Stored data entries

************

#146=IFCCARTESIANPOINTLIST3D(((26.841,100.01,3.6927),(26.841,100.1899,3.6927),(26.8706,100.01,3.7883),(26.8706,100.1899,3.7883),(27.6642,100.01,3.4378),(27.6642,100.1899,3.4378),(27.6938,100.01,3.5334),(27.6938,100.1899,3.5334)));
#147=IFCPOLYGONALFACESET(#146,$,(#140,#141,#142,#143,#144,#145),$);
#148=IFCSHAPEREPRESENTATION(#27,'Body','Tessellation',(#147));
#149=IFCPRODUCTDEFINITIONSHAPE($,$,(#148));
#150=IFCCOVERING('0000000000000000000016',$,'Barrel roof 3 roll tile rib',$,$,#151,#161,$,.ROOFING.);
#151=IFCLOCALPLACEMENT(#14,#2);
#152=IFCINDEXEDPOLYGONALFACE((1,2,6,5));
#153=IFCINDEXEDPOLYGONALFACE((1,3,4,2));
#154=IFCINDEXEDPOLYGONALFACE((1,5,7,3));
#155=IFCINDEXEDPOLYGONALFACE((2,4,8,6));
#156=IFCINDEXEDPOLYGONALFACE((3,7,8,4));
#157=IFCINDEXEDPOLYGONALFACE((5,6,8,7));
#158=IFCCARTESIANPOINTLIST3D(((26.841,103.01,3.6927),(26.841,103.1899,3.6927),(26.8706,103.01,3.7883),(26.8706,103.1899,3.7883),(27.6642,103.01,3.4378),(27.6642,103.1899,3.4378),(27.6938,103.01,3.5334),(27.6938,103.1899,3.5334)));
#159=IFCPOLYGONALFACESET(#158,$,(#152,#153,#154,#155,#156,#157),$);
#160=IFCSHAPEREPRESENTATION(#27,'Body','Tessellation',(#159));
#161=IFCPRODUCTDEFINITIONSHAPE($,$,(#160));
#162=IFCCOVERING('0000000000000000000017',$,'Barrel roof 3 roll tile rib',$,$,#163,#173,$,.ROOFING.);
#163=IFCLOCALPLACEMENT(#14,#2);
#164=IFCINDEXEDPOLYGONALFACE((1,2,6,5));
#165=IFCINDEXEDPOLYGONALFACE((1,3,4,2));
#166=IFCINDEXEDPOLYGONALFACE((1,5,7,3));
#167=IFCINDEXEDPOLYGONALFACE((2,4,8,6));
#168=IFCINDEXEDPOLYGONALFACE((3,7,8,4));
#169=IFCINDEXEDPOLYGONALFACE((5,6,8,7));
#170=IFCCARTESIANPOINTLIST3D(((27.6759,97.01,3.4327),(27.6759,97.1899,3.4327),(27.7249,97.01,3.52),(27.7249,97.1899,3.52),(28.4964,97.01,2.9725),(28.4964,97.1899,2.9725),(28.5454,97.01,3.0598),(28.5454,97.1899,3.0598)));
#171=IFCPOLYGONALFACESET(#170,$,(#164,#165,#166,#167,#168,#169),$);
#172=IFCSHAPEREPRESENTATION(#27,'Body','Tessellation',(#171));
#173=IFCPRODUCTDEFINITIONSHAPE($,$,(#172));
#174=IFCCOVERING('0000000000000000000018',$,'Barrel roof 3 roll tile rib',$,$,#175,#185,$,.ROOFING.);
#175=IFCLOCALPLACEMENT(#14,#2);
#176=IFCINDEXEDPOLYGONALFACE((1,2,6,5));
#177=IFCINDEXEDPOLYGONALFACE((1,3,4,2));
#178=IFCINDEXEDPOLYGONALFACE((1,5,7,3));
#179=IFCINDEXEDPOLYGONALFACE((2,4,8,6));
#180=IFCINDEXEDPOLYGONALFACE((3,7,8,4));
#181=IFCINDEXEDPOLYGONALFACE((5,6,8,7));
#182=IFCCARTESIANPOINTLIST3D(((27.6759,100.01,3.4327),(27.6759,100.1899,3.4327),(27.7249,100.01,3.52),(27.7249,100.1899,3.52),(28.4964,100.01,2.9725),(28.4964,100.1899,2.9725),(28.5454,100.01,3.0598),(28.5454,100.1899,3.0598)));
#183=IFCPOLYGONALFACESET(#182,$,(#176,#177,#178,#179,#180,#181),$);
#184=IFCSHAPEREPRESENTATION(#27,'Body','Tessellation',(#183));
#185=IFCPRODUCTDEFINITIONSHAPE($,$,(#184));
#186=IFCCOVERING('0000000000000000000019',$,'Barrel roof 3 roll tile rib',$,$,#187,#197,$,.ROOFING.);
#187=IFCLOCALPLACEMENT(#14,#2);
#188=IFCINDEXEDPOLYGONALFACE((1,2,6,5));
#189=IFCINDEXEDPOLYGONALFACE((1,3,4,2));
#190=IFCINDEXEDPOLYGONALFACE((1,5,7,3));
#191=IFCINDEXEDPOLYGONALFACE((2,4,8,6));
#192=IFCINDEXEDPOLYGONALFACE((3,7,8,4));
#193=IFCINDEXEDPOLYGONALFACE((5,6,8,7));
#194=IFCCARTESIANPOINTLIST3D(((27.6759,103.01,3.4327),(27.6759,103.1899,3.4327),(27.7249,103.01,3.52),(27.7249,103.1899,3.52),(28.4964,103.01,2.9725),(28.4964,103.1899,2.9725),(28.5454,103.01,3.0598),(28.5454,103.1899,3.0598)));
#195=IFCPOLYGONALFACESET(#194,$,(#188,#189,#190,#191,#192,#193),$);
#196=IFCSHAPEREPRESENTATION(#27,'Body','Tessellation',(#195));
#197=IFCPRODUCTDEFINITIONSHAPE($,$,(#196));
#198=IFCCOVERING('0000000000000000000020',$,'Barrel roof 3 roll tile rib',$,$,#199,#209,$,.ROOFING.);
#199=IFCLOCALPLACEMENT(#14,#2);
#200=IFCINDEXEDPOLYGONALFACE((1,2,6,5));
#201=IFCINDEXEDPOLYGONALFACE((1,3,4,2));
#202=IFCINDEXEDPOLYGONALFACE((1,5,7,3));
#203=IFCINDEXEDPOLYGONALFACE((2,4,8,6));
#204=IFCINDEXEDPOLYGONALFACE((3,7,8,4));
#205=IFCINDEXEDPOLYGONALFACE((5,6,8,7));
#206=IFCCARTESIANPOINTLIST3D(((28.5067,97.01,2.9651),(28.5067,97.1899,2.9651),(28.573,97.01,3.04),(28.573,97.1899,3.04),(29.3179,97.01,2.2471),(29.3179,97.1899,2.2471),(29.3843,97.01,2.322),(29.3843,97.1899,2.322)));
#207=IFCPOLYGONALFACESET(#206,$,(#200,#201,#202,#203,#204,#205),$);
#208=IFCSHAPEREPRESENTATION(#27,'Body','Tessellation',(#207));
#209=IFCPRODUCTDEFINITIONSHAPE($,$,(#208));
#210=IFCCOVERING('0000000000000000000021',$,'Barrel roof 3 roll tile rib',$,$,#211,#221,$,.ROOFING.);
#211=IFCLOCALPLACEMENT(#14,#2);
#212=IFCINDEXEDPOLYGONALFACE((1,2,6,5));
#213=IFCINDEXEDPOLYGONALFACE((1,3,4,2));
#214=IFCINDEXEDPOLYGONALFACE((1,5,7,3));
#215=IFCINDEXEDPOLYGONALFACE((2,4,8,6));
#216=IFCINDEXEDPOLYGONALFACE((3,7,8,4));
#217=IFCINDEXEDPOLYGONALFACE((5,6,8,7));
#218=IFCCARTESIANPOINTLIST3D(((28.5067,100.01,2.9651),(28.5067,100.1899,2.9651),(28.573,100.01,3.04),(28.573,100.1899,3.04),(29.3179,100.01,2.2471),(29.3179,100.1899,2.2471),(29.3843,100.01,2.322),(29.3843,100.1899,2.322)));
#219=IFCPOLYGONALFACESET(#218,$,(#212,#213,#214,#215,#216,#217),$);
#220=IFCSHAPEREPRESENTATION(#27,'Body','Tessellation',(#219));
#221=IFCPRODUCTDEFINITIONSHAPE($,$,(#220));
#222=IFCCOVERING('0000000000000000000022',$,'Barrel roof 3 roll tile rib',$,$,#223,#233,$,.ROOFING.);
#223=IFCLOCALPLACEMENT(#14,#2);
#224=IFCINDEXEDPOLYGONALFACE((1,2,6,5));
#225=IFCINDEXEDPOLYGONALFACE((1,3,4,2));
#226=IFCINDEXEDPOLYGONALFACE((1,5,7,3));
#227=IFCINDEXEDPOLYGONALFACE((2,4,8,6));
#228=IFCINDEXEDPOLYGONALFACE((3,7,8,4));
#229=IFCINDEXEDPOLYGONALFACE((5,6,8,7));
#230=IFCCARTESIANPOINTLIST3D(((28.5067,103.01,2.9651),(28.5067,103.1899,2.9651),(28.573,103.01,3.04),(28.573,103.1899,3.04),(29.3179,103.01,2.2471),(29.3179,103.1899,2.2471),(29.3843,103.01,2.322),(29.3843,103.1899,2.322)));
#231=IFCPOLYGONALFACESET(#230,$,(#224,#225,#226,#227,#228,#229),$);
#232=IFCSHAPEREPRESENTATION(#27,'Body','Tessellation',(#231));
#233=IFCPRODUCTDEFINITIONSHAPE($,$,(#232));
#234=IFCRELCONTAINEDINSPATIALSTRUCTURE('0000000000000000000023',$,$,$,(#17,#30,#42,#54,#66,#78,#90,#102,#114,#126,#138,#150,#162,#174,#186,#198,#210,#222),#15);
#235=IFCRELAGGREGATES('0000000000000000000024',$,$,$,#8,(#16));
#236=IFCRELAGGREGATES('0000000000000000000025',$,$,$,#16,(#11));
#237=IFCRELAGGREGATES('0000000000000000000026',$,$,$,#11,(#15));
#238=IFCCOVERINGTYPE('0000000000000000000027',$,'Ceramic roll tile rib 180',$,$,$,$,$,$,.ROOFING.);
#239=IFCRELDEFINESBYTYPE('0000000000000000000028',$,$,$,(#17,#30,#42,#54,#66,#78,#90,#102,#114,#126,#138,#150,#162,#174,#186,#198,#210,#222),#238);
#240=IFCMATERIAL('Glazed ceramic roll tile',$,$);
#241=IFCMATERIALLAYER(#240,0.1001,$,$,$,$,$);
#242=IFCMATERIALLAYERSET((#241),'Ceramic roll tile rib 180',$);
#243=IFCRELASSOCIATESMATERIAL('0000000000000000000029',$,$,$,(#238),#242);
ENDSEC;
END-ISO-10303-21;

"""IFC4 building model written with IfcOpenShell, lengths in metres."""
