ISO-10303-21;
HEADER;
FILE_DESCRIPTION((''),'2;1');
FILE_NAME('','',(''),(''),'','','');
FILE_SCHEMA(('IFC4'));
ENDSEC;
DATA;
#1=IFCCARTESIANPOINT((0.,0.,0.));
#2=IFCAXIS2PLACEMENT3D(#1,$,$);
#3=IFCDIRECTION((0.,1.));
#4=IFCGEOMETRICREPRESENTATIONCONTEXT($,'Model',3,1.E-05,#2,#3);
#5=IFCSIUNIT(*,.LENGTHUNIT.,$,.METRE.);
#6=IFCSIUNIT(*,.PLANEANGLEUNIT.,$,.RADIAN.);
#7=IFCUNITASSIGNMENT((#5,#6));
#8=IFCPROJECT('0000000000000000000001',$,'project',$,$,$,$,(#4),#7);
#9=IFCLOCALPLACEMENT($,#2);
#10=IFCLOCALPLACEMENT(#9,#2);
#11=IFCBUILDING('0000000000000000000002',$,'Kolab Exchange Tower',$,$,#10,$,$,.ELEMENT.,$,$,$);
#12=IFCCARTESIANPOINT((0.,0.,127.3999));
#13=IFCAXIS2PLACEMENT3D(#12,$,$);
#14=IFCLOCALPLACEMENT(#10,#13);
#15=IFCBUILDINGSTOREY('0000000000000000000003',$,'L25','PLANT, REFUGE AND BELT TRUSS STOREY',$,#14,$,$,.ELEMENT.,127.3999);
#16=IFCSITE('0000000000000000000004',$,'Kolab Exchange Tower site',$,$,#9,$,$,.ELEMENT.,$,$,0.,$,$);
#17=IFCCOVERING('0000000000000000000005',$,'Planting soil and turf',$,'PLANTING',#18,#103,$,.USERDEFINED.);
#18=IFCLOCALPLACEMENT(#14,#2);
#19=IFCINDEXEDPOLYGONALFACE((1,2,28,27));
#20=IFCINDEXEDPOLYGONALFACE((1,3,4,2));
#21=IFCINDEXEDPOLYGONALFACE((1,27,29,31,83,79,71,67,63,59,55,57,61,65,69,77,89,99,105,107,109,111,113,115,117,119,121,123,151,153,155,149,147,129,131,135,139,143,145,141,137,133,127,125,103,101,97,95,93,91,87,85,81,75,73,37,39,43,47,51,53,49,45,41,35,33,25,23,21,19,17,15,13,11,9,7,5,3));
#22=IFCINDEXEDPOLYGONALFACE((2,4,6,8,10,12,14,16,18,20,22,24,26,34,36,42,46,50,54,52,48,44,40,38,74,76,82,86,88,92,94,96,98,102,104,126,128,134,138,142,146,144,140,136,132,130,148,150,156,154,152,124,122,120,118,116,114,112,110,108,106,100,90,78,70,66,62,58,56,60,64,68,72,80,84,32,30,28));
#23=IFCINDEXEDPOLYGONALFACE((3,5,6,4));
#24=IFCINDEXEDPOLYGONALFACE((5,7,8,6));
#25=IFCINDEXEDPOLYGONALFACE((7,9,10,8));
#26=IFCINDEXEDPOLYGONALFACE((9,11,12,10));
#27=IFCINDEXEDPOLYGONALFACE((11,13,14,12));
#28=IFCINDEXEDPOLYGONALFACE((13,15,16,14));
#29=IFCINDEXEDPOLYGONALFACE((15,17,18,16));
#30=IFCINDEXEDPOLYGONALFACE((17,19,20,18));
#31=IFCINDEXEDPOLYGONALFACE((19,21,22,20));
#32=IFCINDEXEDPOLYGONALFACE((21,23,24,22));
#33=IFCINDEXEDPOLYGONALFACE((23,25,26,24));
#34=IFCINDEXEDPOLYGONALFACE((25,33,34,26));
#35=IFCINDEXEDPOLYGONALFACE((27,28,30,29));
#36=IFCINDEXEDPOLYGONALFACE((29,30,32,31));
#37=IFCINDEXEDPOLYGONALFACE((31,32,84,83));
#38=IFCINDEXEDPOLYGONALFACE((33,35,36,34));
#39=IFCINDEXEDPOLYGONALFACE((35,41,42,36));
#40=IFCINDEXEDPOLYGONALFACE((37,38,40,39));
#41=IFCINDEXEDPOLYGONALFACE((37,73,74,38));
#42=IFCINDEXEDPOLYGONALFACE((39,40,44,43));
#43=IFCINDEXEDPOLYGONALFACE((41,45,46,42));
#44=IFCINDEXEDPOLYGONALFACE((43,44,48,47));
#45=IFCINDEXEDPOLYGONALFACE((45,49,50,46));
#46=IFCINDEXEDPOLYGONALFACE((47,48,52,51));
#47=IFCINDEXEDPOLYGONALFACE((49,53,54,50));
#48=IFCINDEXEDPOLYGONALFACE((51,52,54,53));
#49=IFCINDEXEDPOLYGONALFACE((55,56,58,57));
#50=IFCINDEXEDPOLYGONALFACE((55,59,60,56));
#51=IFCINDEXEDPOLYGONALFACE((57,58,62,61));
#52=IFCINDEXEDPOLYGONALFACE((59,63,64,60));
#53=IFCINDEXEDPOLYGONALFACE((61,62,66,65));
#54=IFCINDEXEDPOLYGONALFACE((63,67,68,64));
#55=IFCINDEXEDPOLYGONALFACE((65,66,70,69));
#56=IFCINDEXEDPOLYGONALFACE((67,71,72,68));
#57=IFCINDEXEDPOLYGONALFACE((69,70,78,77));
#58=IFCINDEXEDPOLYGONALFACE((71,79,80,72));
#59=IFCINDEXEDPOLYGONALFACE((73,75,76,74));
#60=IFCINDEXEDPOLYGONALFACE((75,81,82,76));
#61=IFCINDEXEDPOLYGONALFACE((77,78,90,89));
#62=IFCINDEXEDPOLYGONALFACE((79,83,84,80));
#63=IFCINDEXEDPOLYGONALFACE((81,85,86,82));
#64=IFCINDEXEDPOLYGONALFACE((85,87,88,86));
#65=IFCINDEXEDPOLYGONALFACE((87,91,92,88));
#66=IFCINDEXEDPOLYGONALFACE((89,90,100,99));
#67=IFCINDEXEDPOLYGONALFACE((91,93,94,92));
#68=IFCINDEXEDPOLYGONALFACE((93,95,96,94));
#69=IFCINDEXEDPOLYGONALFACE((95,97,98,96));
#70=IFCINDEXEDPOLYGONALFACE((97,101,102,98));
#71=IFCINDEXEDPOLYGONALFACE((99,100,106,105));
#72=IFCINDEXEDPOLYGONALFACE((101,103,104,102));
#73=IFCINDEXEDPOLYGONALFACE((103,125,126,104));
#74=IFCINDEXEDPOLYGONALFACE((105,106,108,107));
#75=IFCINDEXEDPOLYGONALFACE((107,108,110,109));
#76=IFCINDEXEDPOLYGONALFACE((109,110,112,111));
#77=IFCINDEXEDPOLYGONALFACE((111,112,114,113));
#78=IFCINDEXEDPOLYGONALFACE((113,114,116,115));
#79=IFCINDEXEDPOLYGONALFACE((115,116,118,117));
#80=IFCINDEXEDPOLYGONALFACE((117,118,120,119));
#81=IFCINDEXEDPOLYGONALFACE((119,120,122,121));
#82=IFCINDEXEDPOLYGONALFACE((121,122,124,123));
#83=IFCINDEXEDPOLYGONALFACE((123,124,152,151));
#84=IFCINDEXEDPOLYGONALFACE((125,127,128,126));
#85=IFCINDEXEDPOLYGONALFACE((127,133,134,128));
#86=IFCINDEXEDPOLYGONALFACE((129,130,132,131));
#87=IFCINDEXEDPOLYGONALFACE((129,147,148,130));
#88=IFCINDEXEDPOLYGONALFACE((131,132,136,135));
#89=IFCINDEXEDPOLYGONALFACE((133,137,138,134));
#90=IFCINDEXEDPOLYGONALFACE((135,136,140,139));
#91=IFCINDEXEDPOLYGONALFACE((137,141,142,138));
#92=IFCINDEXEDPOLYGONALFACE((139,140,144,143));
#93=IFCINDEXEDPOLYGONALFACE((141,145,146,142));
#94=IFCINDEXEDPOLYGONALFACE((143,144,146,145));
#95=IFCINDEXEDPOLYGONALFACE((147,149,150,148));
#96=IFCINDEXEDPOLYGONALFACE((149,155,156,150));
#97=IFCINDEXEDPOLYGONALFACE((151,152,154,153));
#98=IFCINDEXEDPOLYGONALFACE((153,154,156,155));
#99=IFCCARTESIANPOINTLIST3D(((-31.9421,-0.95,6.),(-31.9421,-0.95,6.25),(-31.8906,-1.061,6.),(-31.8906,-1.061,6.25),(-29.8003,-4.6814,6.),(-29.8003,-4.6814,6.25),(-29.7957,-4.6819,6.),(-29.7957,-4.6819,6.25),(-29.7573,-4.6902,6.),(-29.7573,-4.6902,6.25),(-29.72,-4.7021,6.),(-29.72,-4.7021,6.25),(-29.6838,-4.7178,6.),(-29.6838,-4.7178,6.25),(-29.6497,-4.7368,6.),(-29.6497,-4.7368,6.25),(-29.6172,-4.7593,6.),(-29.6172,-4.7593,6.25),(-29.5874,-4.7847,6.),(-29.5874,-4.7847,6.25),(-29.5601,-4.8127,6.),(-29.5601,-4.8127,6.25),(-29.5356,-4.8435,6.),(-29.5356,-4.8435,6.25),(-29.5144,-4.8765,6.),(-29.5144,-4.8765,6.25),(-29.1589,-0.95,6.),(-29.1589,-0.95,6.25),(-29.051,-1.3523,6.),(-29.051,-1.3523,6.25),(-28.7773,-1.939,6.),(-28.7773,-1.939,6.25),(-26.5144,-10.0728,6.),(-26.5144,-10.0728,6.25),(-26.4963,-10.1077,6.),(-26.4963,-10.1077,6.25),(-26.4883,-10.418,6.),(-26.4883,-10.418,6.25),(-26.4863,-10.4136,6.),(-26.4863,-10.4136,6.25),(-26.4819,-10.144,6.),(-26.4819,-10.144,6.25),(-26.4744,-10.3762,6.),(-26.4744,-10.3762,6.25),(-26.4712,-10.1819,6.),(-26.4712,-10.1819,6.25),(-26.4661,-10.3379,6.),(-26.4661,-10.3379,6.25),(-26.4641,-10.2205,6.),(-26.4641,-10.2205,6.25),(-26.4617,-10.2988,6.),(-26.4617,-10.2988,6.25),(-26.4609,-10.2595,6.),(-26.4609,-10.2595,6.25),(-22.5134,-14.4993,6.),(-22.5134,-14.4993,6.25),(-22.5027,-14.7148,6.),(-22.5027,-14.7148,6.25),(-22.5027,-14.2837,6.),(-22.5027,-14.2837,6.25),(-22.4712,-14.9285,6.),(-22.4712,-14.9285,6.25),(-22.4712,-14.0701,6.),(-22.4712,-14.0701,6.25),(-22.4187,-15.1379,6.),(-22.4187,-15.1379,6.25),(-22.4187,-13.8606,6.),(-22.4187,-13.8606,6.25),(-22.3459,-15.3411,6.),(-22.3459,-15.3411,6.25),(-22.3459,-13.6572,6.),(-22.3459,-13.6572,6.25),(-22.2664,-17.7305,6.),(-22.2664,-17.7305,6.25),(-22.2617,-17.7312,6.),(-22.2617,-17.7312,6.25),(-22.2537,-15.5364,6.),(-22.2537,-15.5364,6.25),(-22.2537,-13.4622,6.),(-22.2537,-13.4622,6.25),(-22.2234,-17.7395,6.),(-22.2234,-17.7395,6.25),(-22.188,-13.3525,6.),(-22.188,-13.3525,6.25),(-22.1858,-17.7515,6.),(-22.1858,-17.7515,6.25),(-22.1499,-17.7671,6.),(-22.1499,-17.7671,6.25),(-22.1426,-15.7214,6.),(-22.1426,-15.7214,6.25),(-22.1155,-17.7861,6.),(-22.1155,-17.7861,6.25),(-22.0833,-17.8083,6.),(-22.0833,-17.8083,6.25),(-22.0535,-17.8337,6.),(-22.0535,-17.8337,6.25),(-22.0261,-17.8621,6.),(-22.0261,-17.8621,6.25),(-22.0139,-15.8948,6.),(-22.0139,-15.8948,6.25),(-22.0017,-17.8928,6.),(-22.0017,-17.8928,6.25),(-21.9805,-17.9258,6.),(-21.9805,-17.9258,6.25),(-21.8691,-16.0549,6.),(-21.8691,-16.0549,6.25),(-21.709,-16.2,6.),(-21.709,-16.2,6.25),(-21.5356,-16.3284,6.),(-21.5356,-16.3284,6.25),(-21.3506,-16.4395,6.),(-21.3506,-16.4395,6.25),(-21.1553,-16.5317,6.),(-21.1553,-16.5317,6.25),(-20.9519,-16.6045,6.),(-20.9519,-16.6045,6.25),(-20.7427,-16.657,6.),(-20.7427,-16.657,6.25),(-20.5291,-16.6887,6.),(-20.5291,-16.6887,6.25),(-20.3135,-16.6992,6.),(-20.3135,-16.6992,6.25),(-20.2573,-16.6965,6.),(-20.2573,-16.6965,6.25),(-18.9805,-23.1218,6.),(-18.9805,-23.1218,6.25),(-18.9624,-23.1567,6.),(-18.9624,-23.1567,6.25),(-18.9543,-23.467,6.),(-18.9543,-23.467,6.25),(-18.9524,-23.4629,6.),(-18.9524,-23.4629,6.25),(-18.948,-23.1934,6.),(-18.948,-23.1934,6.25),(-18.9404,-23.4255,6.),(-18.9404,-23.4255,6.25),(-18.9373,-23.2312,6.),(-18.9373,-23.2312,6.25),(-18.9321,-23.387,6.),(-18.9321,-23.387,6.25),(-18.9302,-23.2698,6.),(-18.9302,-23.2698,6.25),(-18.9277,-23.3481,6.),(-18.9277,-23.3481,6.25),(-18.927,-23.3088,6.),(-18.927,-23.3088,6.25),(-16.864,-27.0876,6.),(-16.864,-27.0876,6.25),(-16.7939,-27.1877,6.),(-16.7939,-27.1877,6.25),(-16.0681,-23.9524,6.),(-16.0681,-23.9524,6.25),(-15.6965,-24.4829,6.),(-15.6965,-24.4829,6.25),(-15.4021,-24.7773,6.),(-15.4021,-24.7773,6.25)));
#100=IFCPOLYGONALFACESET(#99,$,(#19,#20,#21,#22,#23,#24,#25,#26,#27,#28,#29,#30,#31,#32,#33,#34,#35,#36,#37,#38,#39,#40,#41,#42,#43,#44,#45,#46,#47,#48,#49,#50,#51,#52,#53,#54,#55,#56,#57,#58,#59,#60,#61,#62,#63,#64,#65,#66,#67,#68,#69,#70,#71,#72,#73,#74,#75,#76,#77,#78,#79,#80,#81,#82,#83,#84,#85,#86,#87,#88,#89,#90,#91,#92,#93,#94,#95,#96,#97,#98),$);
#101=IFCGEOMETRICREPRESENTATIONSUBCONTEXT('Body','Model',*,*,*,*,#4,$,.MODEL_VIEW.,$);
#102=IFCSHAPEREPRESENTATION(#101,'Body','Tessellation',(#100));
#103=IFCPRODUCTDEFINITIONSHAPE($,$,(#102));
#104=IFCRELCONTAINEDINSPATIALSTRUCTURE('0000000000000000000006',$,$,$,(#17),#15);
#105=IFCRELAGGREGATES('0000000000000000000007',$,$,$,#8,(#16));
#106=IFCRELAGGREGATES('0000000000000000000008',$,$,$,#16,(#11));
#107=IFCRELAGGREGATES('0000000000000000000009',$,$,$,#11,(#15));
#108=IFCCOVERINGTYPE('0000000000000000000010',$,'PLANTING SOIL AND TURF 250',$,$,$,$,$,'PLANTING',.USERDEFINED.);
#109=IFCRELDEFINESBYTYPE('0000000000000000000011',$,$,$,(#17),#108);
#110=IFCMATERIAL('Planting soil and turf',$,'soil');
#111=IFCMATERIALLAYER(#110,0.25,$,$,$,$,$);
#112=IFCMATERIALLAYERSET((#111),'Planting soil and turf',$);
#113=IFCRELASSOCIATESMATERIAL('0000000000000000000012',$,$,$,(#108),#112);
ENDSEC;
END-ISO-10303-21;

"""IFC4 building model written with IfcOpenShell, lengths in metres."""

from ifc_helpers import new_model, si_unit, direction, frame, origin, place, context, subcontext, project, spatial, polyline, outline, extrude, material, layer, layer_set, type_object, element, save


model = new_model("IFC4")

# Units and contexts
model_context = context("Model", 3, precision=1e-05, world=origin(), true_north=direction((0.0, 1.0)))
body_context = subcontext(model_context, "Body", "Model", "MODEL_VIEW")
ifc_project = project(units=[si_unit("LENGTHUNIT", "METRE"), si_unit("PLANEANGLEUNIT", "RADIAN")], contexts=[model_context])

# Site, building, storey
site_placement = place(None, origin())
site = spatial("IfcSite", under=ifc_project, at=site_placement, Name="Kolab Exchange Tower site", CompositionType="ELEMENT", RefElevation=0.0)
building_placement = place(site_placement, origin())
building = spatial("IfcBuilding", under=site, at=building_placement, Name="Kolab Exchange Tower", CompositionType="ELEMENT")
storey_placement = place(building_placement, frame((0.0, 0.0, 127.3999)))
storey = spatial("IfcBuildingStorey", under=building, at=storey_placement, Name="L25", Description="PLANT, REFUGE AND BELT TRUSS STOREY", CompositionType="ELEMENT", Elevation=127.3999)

************

* _Exercise goal_: Wherever the word "tile" appears in a line of the data, copy that line.

* _Task output_:
#150=IFCCOVERING('0000000000000000000016',$,'Barrel roof 3 roll tile rib',$,$,#151,#161,$,.ROOFING.);
#162=IFCCOVERING('0000000000000000000017',$,'Barrel roof 3 roll tile rib',$,$,#163,#173,$,.ROOFING.);
#174=IFCCOVERING('0000000000000000000018',$,'Barrel roof 3 roll tile rib',$,$,#175,#185,$,.ROOFING.);
#186=IFCCOVERING('0000000000000000000019',$,'Barrel roof 3 roll tile rib',$,$,#187,#197,$,.ROOFING.);
#198=IFCCOVERING('0000000000000000000020',$,'Barrel roof 3 roll tile rib',$,$,#199,#209,$,.ROOFING.);
#210=IFCCOVERING('0000000000000000000021',$,'Barrel roof 3 roll tile rib',$,$,#211,#221,$,.ROOFING.);
#222=IFCCOVERING('0000000000000000000022',$,'Barrel roof 3 roll tile rib',$,$,#223,#233,$,.ROOFING.);
#238=IFCCOVERINGTYPE('0000000000000000000027',$,'Ceramic roll tile rib 180',$,$,$,$,$,$,.ROOFING.);
#240=IFCMATERIAL('Glazed ceramic roll tile',$,$);
#242=IFCMATERIALLAYERSET((#241),'Ceramic roll tile rib 180',$);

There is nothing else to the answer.